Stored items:
=-=-=

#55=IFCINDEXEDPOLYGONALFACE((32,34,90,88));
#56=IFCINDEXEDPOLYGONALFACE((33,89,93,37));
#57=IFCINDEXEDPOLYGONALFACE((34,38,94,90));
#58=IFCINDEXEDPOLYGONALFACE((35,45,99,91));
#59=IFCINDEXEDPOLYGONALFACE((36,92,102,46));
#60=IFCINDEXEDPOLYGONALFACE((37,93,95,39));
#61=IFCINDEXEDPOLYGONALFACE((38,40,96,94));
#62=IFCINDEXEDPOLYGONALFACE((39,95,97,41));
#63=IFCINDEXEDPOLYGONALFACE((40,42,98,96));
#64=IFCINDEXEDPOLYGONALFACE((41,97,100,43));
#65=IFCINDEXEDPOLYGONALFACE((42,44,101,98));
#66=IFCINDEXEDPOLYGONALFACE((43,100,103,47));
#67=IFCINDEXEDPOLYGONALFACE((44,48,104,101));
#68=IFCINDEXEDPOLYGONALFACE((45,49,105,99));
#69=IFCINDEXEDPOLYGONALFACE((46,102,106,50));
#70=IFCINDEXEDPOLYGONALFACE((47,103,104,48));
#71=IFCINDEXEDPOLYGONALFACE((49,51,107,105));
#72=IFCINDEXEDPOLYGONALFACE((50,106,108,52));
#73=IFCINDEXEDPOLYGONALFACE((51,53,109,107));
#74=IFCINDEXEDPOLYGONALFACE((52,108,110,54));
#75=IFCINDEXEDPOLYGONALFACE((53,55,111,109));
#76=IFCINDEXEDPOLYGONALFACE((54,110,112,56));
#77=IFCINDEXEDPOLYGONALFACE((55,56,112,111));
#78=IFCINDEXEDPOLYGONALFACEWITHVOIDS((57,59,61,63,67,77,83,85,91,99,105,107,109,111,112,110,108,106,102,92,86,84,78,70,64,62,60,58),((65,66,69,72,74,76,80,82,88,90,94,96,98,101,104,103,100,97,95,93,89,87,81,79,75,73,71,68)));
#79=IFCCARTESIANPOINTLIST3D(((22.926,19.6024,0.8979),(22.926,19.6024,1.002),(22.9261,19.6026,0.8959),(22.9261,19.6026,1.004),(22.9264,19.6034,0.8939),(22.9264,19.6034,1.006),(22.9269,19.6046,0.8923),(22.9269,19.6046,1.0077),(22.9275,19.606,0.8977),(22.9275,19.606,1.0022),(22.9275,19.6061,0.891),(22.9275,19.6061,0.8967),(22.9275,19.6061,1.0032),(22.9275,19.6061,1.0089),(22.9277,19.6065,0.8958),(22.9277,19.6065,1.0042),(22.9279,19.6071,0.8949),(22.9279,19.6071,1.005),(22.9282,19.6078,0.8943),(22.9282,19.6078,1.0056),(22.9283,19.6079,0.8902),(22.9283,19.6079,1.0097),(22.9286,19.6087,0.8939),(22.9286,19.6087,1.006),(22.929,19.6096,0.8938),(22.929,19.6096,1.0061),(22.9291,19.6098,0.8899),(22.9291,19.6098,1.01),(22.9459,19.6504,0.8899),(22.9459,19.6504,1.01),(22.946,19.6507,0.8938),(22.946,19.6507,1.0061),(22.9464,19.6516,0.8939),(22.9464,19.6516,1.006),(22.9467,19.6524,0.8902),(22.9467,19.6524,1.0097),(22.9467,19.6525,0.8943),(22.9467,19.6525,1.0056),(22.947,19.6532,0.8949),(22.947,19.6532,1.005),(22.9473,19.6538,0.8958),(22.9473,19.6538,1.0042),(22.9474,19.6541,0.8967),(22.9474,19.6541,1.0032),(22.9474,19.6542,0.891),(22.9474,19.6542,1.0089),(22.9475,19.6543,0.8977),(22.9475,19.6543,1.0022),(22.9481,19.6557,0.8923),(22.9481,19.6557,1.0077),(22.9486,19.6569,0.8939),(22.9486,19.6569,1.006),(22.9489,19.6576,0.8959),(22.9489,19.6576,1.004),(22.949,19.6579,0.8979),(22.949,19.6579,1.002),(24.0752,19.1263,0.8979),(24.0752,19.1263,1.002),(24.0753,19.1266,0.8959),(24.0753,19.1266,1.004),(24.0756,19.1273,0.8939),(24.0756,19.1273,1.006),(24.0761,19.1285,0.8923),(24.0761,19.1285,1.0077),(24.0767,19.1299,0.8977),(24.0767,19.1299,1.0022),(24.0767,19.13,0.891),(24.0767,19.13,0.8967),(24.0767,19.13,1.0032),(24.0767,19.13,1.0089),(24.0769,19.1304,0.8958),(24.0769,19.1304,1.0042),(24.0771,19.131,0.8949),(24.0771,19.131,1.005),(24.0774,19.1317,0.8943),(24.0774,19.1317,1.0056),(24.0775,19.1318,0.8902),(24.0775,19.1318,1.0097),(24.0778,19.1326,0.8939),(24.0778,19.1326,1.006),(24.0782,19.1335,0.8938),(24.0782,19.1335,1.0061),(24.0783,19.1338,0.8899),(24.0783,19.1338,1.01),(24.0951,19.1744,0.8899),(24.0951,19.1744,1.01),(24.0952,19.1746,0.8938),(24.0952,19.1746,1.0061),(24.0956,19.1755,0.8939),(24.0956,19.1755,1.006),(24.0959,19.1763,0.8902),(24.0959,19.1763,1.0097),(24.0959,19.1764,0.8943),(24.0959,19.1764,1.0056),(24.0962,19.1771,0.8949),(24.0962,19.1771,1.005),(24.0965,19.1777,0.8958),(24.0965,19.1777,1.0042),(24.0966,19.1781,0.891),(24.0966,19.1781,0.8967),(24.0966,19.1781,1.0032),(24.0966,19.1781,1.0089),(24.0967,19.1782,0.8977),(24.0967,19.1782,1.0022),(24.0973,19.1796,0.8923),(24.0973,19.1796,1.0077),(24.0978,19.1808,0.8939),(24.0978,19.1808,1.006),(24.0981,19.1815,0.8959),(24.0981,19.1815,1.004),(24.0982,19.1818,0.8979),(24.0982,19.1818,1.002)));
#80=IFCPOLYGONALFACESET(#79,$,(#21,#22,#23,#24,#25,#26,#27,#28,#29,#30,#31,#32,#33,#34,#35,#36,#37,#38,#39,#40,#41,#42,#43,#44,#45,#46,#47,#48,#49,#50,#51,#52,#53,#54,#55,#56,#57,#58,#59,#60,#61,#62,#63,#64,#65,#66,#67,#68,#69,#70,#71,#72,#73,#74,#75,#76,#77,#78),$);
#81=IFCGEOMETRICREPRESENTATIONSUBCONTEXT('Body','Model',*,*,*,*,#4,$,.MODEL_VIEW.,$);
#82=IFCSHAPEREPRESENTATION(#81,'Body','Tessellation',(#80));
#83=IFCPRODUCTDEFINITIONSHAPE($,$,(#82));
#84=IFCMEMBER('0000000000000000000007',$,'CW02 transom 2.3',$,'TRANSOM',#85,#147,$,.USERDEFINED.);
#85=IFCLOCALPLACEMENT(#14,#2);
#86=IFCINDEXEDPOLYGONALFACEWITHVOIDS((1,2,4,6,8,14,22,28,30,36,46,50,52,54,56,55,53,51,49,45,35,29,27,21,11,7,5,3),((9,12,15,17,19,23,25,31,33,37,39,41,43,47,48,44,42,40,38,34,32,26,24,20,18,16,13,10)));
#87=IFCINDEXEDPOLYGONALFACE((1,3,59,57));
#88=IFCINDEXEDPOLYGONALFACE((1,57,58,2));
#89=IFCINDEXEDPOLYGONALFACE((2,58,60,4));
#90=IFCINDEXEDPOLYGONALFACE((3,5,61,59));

=-=-=

Action item. Using the records above, output exactly the lines from the first through the line that contains "#63=IFCINDEXEDPOLYGONALFACE((40,42,98,96));", with both of those included.

The answer.
#55=IFCINDEXEDPOLYGONALFACE((32,34,90,88));
#56=IFCINDEXEDPOLYGONALFACE((33,89,93,37));
#57=IFCINDEXEDPOLYGONALFACE((34,38,94,90));
#58=IFCINDEXEDPOLYGONALFACE((35,45,99,91));
#59=IFCINDEXEDPOLYGONALFACE((36,92,102,46));
#60=IFCINDEXEDPOLYGONALFACE((37,93,95,39));
#61=IFCINDEXEDPOLYGONALFACE((38,40,96,94));
#62=IFCINDEXEDPOLYGONALFACE((39,95,97,41));
#63=IFCINDEXEDPOLYGONALFACE((40,42,98,96));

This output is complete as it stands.